*** Exercise data Section Begins ***
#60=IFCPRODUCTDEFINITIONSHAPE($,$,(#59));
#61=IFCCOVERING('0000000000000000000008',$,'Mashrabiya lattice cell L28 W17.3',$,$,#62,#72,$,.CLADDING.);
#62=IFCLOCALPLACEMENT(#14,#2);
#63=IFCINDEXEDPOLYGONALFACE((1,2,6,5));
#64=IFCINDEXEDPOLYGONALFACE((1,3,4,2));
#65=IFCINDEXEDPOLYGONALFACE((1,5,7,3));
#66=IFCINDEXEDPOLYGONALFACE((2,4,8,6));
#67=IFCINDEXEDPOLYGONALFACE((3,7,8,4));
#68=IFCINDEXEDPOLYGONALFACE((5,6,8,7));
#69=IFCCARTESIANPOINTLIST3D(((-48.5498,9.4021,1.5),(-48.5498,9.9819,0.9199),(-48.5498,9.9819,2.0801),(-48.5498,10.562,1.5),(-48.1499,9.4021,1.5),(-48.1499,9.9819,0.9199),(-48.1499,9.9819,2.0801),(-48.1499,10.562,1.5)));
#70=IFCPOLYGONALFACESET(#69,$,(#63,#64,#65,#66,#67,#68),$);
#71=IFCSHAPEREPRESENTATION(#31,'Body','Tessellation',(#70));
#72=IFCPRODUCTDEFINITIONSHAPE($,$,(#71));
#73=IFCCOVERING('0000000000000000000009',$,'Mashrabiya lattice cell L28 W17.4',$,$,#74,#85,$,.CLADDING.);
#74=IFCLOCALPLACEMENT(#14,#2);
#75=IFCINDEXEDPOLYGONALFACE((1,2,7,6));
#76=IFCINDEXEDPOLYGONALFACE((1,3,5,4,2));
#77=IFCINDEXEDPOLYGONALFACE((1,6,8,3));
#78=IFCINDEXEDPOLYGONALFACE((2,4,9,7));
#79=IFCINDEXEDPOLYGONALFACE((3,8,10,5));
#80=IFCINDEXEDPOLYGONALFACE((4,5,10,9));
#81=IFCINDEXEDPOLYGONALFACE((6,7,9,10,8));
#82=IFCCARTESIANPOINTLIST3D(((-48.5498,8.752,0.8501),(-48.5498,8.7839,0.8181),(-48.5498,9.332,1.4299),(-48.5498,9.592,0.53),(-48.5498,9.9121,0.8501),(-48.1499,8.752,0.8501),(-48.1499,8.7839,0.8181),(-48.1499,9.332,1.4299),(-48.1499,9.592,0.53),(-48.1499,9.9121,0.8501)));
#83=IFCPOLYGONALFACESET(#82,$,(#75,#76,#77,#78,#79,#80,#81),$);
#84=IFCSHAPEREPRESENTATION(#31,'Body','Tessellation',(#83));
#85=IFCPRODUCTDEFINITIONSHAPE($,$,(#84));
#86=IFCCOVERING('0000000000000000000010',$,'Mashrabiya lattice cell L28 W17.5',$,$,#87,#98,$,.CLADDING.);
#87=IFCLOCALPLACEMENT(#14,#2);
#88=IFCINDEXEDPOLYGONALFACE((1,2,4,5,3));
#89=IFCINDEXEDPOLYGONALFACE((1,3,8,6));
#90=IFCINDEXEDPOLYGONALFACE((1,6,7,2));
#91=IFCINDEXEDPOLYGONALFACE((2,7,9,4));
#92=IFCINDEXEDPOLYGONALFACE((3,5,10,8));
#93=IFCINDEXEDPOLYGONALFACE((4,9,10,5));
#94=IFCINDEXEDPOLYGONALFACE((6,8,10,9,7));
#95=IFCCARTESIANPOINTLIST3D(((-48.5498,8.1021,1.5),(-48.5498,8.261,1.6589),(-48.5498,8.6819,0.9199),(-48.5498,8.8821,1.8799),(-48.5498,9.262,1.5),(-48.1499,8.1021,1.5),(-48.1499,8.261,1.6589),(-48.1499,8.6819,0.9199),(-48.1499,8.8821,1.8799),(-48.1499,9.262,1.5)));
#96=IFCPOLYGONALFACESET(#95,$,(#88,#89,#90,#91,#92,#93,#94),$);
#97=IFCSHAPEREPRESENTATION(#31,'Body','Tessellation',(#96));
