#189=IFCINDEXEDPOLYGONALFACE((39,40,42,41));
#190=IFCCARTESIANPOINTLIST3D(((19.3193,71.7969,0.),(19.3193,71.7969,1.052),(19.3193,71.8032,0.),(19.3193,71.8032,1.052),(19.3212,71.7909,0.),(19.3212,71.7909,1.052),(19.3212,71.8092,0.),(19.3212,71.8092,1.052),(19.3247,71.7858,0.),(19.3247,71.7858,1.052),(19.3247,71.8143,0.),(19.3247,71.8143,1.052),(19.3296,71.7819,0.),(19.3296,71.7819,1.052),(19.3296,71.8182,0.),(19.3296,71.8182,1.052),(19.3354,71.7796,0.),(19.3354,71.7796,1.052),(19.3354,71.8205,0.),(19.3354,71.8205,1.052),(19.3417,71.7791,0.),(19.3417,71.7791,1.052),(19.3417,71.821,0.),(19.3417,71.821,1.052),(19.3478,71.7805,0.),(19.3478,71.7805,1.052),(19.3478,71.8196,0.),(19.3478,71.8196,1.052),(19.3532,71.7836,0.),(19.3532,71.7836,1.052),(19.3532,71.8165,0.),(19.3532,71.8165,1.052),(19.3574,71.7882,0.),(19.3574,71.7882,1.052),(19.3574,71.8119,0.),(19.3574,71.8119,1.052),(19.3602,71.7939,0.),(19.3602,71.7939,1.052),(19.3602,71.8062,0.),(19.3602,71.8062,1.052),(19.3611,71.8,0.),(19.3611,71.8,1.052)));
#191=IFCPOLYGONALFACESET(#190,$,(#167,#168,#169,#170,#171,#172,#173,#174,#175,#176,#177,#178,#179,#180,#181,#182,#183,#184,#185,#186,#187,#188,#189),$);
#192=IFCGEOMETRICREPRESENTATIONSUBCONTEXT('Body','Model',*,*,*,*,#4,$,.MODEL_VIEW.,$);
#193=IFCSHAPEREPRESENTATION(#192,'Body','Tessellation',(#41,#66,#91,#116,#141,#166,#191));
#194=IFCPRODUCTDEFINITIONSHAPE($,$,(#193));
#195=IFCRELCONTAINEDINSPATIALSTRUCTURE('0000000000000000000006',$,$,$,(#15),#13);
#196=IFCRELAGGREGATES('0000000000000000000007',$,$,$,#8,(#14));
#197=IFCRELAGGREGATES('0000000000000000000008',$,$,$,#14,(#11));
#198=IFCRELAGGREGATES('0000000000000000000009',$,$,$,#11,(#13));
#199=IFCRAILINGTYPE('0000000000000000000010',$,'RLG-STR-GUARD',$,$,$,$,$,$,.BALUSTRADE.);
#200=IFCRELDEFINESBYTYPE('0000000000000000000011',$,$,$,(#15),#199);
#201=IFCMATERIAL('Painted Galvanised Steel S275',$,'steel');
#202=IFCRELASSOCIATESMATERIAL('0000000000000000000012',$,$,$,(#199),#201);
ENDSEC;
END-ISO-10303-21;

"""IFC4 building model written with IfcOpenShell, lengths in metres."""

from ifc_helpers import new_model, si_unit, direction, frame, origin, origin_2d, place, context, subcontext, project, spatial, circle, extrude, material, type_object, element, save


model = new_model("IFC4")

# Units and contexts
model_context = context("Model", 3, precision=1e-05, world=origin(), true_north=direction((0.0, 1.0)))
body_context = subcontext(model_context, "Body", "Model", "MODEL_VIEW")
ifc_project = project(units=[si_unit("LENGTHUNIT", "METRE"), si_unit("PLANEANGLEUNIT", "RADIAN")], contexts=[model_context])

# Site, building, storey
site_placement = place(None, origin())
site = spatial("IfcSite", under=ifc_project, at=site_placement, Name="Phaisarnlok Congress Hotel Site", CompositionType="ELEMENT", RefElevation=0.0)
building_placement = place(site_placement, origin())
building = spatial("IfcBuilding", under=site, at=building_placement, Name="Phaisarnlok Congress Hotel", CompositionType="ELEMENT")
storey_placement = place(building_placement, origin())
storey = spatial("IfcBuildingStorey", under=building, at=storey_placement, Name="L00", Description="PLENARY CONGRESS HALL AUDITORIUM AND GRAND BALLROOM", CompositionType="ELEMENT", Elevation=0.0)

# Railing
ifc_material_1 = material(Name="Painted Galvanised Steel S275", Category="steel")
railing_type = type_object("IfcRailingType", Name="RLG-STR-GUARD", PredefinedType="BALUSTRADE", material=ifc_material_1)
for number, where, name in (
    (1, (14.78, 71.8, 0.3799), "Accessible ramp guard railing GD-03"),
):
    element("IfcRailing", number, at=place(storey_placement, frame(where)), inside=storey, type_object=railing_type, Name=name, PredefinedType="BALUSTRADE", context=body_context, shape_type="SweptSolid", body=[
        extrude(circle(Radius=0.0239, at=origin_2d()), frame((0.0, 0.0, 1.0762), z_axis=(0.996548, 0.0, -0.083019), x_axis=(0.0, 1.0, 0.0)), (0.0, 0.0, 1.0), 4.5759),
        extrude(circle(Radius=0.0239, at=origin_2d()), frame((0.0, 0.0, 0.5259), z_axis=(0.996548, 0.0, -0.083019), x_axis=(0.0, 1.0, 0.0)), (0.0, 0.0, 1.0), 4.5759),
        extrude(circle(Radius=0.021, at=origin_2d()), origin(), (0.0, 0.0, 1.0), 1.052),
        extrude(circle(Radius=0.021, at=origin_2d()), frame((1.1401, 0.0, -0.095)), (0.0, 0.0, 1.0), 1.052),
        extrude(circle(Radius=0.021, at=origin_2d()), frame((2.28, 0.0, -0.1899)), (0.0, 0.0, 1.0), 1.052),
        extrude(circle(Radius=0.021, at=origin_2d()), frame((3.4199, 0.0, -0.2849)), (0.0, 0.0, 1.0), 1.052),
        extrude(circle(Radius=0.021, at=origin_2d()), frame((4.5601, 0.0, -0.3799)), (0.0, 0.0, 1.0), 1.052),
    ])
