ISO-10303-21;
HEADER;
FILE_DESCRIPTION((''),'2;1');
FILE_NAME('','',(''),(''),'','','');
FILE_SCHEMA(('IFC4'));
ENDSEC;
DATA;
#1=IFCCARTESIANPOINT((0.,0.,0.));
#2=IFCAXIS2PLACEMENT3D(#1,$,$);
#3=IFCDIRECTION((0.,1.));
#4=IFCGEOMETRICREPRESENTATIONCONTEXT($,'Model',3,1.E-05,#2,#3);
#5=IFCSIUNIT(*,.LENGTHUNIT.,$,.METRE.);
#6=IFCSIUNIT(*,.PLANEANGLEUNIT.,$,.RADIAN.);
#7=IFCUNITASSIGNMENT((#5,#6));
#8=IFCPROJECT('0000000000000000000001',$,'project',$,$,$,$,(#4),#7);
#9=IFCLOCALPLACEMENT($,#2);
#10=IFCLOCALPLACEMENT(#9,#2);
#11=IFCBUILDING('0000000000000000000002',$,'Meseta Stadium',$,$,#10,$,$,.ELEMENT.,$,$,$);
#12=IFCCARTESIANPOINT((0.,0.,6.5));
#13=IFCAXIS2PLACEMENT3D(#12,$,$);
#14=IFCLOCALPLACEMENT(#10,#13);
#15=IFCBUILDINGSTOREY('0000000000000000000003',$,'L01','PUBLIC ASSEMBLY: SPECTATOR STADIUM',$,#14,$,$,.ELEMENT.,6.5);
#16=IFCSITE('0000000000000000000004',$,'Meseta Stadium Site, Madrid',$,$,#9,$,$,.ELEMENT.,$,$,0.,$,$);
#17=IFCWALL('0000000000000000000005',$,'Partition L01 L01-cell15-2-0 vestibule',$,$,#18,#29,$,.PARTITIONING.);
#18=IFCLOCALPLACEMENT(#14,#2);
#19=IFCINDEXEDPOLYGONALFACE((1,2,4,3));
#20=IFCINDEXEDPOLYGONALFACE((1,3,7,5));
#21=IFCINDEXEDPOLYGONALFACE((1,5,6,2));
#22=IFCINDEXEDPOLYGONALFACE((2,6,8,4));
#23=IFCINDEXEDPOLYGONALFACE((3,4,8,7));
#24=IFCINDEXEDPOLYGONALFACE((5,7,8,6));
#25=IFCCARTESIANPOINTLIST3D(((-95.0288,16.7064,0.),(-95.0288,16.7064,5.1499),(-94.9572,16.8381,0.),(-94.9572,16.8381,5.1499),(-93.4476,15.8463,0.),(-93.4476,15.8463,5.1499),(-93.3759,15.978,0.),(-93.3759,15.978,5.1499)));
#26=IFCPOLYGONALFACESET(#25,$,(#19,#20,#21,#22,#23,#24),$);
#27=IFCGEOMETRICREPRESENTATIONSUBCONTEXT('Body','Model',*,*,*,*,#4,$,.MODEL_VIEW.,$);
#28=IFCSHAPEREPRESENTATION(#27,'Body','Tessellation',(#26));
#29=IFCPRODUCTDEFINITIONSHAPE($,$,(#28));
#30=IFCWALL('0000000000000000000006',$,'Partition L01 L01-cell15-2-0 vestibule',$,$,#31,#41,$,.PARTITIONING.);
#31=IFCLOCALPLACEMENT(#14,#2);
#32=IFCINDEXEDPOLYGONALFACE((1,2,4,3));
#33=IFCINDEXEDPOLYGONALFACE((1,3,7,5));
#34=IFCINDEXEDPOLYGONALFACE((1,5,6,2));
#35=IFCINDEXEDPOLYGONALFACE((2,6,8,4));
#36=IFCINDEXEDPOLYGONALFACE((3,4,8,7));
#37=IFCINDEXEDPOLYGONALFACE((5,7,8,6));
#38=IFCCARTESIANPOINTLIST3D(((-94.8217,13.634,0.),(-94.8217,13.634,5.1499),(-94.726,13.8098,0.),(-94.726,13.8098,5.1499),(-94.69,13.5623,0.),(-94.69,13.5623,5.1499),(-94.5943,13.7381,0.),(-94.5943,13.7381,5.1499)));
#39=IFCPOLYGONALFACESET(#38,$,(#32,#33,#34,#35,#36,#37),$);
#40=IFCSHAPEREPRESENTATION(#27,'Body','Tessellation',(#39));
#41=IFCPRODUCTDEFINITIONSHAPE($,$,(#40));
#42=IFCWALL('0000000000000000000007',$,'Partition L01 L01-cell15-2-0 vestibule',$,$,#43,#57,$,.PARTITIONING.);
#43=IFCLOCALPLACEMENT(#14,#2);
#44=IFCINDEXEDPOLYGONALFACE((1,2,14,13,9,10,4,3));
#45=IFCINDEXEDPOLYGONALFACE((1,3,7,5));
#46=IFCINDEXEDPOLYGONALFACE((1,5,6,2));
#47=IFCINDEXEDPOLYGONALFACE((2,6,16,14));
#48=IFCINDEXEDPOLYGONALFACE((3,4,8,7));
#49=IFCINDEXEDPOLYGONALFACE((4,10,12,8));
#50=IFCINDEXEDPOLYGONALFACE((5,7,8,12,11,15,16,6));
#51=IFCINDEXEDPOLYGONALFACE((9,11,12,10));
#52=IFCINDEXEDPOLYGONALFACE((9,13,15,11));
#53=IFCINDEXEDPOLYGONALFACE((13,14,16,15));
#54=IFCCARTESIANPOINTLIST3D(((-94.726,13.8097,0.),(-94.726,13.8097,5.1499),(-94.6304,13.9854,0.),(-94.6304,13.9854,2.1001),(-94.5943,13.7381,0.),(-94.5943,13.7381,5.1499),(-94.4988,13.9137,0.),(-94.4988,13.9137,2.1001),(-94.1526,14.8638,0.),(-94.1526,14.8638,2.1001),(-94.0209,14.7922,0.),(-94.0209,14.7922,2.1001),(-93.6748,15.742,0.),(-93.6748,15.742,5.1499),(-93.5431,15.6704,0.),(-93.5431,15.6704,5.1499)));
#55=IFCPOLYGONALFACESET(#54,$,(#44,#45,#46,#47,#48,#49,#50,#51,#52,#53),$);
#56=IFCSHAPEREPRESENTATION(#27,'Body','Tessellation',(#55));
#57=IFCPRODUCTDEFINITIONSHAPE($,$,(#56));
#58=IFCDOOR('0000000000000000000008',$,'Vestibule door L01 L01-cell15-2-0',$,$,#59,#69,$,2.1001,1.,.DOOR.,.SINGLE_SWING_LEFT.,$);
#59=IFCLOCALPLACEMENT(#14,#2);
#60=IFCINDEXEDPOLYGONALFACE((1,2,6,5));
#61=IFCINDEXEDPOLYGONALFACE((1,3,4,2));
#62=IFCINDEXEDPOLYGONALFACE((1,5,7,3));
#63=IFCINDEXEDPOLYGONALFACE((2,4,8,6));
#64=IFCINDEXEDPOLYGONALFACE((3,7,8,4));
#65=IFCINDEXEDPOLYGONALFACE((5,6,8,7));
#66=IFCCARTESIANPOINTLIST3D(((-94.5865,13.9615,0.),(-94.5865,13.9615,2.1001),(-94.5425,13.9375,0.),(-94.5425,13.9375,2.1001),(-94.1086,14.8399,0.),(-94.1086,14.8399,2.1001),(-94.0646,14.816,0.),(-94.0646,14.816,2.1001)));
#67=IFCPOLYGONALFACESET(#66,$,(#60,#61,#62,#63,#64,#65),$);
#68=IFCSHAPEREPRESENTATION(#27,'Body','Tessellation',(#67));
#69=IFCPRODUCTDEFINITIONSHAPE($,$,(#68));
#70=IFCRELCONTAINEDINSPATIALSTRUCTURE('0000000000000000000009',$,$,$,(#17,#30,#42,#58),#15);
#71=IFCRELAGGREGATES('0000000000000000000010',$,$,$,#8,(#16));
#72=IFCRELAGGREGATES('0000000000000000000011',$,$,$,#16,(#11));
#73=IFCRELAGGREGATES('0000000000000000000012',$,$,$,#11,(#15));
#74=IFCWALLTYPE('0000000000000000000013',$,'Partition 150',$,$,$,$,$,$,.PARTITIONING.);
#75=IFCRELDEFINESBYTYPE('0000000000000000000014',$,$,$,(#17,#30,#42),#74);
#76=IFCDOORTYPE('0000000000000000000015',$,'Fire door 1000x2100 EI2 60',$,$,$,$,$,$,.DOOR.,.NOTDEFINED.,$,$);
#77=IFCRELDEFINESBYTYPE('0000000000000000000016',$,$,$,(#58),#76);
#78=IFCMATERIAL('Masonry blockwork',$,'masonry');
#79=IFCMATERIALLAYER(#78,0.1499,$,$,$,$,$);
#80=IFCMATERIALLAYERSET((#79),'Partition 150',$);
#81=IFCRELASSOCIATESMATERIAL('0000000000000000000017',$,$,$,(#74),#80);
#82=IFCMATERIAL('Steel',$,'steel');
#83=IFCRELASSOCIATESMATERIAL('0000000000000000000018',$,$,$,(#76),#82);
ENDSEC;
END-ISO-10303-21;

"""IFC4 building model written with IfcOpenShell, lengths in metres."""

from ifc_helpers import new_model, si_unit, direction, frame, frame_2d, origin, place, context, subcontext, project, spatial, rectangle, extrude, material, layer, layer_set, type_object, element, fill, save


model = new_model("IFC4")

# Units and contexts
model_context = context("Model", 3, precision=1e-05, world=origin(), true_north=direction((0.0, 1.0)))
body_context = subcontext(model_context, "Body", "Model", "MODEL_VIEW")
ifc_project = project(units=[si_unit("LENGTHUNIT", "METRE"), si_unit("PLANEANGLEUNIT", "RADIAN")], contexts=[model_context])

# Site, building, storey
site_placement = place(None, origin())
site = spatial("IfcSite", under=ifc_project, at=site_placement, Name="Meseta Stadium Site, Madrid", CompositionType="ELEMENT", RefElevation=0.0)
building_placement = place(site_placement, origin())
building = spatial("IfcBuilding", under=site, at=building_placement, Name="Meseta Stadium", CompositionType="ELEMENT")
storey_placement = place(building_placement, frame((0.0, 0.0, 6.5)))
storey = spatial("IfcBuildingStorey", under=building, at=storey_placement, Name="L01", Description="PUBLIC ASSEMBLY: SPECTATOR STADIUM", CompositionType="ELEMENT", Elevation=6.5)

# Walls
ifc_material_1 = material(Name="Masonry blockwork", Category="masonry")
ifc_layer_1 = layer(ifc_material_1, 0.1499)
ifc_layer_set_1 = layer_set([ifc_layer_1], Name="Partition 150")
wall_type_1 = type_object("IfcWallType", Name="Partition 150", PredefinedType="PARTITIONING", material=ifc_layer_set_1)
wall_1_placement = place(storey_placement, frame((-94.9929, 16.7722, 0.0), z_axis=(0.0, 0.0, 1.0), x_axis=(0.87846, -0.477816, 0.0)))
element("IfcWall", 1, at=wall_1_placement, inside=storey, type_object=wall_type_1, Name="Partition L01 L01-cell15-2-0 vestibule", PredefinedType="PARTITIONING", context=body_context, shape_type="SweptSolid", body=[
    extrude(rectangle(XDim=1.8, YDim=0.1499, at=frame_2d((0.8999, 0.0))), origin(), (0.0, 0.0, 1.0), 5.1499),
])
wall_2_placement = place(storey_placement, frame((-94.7559, 13.5981, 0.0), z_axis=(0.0, 0.0, 1.0), x_axis=(0.478168, 0.878268, 0.0)))
element("IfcWall", 2, at=wall_2_placement, inside=storey, type_object=wall_type_1, Name="Partition L01 L01-cell15-2-0 vestibule", PredefinedType="PARTITIONING", context=body_context, shape_type="SweptSolid", body=[
    extrude(rectangle(XDim=0.2002, YDim=0.1499, at=frame_2d((0.1001, 0.0))), origin(), (0.0, 0.0, 1.0), 5.1499),
])

# Wall, opening, door
wall_3_placement = place(storey_placement, frame((-94.6602, 13.7739, 0.0), z_axis=(0.0, 0.0, 1.0), x_axis=(0.477888, 0.878421, 0.0)))
wall_3 = element("IfcWall", 3, at=wall_3_placement, inside=storey, type_object=wall_type_1, Name="Partition L01 L01-cell15-2-0 vestibule", PredefinedType="PARTITIONING", context=body_context, shape_type="SweptSolid", body=[
    extrude(rectangle(XDim=2.1997, YDim=0.1499, at=frame_2d((1.0999, 0.0))), origin(), (0.0, 0.0, 1.0), 5.1499),
])
opening_1_placement = place(wall_3_placement, frame((0.2, 0.0, 0.0)))
opening_1 = element("IfcOpeningElement", 4, at=opening_1_placement, cuts=wall_3, PredefinedType="OPENING", context=body_context, shape_type="SweptSolid", body=[
    extrude(rectangle(XDim=1.0, YDim=2.1001, at=frame_2d((0.5, 1.05))), frame((0.0, 0.085, 0.0), z_axis=(0.0, -1.0, 0.0), x_axis=(1.0, 0.0, 0.0)), (0.0, 0.0, 1.0), 0.1699),
])
ifc_material_2 = material(Name="Steel", Category="steel")
door_type_1 = type_object("IfcDoorType", Name="Fire door 1000x2100 EI2 60", OperationType="NOTDEFINED", PredefinedType="DOOR", material=ifc_material_2)
door_1_placement = place(opening_1_placement, origin())
door_1 = element("IfcDoor", 5, at=door_1_placement, inside=storey, type_object=door_type_1, Name="Vestibule door L01 L01-cell15-2-0", OperationType="SINGLE_SWING_LEFT", OverallHeight=2.1001, OverallWidth=1.0, PredefinedType="DOOR", context=body_context, shape_type="SweptSolid", body=[
    extrude(rectangle(XDim=1.0, YDim=2.1001, at=frame_2d((0.5, 1.05))), frame((0.0, 0.0249, 0.0), z_axis=(0.0, -1.0, 0.0), x_axis=(1.0, 0.0, 0.0)), (0.0, 0.0, 1.0), 0.05),
])
fill(opening_1, door_1)

save(model, "model.ifc")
*** Exercise data Section Ends ***
Quote every line of the records above, from the first down to the one holding "#68=IFCINDEXEDPOLYGONALFACE((5,6,8,7));", exactly as written.

Task output:
#60=IFCPRODUCTDEFINITIONSHAPE($,$,(#59));
#61=IFCCOVERING('0000000000000000000008',$,'Mashrabiya lattice cell L28 W17.3',$,$,#62,#72,$,.CLADDING.);
#62=IFCLOCALPLACEMENT(#14,#2);
#63=IFCINDEXEDPOLYGONALFACE((1,2,6,5));
#64=IFCINDEXEDPOLYGONALFACE((1,3,4,2));
#65=IFCINDEXEDPOLYGONALFACE((1,5,7,3));
#66=IFCINDEXEDPOLYGONALFACE((2,4,8,6));
#67=IFCINDEXEDPOLYGONALFACE((3,7,8,4));
#68=IFCINDEXEDPOLYGONALFACE((5,6,8,7));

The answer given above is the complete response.